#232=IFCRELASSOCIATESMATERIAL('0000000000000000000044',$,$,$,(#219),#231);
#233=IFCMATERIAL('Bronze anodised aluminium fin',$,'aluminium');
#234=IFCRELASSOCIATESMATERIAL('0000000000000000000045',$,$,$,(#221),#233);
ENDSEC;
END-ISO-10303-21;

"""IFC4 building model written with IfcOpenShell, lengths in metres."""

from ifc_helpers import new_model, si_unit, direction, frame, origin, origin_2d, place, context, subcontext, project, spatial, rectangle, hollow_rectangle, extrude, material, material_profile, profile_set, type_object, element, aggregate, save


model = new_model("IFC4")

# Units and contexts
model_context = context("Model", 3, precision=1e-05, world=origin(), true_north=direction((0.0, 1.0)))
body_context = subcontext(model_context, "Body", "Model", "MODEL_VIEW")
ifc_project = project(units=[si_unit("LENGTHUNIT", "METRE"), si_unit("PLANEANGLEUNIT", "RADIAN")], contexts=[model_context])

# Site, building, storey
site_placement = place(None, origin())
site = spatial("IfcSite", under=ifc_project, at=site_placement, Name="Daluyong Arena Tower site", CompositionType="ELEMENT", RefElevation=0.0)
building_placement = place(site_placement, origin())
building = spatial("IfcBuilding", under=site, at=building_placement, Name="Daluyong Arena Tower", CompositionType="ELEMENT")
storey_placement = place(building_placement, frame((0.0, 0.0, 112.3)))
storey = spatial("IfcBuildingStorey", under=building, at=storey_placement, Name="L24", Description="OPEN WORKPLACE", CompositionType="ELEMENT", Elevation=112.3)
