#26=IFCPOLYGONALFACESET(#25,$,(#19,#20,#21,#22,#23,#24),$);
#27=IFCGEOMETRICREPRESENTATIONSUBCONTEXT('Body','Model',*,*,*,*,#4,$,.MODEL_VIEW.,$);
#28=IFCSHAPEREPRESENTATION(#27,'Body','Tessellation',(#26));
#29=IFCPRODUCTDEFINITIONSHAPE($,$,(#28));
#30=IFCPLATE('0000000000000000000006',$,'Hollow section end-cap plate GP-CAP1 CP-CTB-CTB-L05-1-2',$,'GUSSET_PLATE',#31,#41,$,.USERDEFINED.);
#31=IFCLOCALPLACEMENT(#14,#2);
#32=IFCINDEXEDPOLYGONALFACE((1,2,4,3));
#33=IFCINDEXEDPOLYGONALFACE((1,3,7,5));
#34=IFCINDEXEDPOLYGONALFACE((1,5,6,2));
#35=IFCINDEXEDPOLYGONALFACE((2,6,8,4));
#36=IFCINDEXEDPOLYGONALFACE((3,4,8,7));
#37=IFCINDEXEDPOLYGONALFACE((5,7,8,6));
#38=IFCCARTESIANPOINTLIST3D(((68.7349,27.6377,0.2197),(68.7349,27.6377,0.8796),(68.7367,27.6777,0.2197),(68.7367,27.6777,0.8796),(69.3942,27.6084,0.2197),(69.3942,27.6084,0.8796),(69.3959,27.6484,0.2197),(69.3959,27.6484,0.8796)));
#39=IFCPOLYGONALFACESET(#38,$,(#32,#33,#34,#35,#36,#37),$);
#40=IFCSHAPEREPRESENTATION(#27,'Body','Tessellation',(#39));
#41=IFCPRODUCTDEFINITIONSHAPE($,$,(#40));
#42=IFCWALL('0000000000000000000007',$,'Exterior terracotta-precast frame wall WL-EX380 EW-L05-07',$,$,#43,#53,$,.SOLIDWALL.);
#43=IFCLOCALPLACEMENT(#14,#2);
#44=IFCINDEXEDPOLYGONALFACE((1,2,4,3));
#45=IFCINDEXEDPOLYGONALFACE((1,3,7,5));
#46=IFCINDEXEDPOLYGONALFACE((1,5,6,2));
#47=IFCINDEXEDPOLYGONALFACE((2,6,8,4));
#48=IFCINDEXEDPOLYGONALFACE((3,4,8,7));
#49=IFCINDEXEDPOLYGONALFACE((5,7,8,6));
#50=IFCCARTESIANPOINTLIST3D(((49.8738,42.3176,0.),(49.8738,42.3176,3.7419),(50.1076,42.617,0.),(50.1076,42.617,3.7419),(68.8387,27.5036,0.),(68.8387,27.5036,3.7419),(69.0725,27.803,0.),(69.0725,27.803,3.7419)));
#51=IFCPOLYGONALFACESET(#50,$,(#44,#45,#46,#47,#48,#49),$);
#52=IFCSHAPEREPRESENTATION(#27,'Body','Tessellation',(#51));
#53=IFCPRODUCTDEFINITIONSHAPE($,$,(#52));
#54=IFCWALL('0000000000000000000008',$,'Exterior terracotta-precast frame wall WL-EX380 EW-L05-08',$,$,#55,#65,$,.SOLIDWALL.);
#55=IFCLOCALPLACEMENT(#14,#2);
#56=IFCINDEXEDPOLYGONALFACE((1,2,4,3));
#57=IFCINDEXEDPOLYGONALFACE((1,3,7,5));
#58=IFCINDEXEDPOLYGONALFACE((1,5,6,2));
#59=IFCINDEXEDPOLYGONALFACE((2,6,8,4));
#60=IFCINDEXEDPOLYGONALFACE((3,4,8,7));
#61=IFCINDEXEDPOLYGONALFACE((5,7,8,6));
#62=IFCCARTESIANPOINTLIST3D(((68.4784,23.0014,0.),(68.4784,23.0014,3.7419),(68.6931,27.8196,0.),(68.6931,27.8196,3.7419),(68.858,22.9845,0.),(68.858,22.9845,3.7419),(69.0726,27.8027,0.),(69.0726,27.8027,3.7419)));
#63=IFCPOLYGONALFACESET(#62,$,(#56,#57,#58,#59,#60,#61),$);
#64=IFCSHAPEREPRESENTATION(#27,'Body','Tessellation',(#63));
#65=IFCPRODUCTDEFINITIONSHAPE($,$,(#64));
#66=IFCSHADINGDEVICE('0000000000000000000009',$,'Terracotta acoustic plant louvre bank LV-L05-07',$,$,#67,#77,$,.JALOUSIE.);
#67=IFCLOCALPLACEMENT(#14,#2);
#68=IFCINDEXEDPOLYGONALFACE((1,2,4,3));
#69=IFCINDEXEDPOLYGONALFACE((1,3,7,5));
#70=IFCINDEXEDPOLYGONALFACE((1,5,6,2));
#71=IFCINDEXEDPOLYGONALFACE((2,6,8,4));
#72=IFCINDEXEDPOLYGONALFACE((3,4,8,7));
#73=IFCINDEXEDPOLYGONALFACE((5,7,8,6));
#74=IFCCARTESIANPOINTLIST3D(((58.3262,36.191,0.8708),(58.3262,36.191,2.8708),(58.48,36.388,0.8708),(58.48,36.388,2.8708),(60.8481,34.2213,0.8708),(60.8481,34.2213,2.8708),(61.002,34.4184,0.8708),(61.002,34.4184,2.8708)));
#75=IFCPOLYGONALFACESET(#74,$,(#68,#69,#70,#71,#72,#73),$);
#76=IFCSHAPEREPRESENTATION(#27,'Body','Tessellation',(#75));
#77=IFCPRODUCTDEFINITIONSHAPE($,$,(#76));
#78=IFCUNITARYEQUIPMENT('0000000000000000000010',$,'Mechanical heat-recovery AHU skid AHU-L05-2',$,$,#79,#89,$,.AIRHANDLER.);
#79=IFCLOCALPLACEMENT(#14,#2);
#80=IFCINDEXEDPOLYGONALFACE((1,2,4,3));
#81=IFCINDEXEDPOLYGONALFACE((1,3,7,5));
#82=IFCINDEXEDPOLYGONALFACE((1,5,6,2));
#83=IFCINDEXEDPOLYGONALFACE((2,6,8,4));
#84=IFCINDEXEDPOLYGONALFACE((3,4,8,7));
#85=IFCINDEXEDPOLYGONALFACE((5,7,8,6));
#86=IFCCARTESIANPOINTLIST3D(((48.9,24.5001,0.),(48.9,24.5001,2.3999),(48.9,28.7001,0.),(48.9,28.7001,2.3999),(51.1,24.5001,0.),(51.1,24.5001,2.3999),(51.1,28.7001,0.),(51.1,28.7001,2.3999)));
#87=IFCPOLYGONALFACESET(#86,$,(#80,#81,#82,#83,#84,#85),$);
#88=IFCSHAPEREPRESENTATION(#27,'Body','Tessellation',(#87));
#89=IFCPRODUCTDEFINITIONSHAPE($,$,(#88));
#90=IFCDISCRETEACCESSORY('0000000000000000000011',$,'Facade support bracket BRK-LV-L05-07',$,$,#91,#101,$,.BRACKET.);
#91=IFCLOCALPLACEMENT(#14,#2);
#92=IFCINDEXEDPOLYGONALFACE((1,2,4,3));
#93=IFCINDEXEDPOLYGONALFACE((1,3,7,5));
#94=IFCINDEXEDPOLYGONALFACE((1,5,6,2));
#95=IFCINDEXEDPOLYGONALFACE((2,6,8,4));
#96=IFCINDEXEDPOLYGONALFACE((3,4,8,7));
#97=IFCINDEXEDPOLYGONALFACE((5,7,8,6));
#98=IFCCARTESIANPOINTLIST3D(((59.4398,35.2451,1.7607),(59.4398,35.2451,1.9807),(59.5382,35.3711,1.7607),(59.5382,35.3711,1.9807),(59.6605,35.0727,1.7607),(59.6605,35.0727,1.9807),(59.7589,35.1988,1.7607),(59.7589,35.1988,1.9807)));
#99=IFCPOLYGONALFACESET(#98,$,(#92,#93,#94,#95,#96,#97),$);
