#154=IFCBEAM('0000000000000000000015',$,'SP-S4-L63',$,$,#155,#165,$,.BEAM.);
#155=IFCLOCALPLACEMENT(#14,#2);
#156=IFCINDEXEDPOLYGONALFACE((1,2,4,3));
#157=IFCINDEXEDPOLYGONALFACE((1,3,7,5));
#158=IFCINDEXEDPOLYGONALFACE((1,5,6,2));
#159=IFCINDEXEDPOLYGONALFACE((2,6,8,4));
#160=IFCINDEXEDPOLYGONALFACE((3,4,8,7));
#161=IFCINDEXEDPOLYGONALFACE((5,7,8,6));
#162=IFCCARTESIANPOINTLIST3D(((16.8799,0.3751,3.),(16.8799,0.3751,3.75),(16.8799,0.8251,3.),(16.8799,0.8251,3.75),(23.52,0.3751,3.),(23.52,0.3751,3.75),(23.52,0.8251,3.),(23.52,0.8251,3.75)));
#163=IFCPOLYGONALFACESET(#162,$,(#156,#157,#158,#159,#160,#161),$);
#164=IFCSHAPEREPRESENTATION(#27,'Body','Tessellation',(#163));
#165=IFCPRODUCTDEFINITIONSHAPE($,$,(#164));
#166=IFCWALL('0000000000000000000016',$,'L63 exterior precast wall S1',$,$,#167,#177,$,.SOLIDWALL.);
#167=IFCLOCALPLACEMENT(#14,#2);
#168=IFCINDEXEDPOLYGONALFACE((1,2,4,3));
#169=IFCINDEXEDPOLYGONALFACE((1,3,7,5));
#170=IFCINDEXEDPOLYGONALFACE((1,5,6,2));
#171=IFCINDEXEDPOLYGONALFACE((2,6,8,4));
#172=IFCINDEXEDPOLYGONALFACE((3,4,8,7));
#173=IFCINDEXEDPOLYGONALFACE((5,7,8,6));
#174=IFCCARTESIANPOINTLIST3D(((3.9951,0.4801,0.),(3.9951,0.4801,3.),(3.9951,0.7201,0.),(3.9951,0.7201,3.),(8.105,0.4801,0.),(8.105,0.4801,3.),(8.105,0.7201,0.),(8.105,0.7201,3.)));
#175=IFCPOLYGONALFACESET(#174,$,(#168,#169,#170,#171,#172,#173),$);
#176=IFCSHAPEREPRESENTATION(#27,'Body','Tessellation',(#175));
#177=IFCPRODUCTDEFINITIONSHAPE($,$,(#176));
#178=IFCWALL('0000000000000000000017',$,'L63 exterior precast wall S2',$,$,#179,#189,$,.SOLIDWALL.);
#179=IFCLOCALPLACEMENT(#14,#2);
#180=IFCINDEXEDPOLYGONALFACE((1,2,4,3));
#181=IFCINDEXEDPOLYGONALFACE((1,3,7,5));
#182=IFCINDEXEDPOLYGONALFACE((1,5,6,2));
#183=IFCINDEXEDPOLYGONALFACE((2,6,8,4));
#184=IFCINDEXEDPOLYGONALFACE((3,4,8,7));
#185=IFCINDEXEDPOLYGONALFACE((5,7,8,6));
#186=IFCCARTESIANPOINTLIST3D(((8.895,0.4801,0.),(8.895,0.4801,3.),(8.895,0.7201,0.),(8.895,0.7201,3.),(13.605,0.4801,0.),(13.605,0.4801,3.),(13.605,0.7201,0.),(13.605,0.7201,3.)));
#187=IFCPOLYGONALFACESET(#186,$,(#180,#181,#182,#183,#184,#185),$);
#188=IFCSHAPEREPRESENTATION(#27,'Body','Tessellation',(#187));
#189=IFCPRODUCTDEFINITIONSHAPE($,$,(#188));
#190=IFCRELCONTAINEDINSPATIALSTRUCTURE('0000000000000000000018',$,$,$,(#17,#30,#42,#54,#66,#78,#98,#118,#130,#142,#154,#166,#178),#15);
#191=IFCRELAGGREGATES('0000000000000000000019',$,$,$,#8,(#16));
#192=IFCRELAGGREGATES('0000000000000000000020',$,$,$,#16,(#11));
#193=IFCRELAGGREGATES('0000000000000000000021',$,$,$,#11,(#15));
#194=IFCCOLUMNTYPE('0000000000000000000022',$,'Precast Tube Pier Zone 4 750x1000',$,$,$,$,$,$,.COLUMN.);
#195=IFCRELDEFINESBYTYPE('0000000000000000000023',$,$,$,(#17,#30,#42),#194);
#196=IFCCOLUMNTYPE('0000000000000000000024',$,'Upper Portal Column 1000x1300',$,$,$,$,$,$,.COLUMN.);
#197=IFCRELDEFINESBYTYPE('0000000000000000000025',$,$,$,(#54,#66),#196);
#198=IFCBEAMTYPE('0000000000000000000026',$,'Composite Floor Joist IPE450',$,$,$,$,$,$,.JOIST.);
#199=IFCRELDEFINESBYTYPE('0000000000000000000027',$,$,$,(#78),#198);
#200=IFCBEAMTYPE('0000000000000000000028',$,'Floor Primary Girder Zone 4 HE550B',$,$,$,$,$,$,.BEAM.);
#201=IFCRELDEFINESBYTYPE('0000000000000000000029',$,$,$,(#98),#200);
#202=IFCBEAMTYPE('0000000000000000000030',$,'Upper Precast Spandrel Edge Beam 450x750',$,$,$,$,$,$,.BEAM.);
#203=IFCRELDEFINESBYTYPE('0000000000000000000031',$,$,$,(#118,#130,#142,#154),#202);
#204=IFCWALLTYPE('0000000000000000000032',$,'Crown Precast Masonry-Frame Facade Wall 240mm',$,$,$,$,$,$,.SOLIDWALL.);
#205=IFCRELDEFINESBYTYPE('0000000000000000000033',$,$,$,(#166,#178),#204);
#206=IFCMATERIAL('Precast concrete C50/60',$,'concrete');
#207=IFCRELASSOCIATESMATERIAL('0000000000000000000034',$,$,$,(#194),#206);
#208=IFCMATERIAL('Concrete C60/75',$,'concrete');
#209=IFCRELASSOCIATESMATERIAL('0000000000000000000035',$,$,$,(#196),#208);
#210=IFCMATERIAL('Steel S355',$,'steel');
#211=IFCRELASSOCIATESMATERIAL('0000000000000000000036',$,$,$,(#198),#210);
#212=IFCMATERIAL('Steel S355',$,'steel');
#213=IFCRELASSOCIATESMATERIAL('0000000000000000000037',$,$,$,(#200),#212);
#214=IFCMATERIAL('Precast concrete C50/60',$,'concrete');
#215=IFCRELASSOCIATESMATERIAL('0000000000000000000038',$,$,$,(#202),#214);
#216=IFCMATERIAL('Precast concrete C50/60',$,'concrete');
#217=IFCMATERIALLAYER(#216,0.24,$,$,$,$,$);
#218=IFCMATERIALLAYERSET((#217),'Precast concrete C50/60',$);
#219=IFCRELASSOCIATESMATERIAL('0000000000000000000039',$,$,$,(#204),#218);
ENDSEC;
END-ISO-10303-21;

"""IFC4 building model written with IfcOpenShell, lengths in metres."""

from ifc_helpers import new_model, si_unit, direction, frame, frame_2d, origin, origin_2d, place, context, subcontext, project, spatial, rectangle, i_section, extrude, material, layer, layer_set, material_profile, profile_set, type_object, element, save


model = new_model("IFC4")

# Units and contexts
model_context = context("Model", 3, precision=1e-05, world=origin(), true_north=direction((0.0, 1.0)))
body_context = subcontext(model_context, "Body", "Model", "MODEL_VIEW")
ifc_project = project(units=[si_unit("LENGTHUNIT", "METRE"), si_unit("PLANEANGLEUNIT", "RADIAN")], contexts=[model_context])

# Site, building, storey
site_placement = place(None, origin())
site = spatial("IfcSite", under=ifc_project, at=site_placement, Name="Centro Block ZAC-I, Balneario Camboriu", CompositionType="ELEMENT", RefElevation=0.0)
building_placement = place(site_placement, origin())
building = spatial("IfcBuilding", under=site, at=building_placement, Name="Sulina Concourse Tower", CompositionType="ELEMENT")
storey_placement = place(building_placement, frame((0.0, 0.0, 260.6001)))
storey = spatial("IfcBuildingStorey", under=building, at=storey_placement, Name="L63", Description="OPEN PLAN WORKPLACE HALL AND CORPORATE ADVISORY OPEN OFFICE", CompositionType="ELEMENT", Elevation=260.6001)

▶ What you are asked to do:
In the material above, find every line that has the string "Tower" and pull those lines out.

▶ Exercise result:
site = spatial("IfcSite", under=ifc_project, at=site_placement, Name="Daluyong Arena Tower site", CompositionType="ELEMENT", RefElevation=0.0)
building = spatial("IfcBuilding", under=site, at=building_placement, Name="Daluyong Arena Tower", CompositionType="ELEMENT")
building = spatial("IfcBuilding", under=site, at=building_placement, Name="Sulina Concourse Tower", CompositionType="ELEMENT")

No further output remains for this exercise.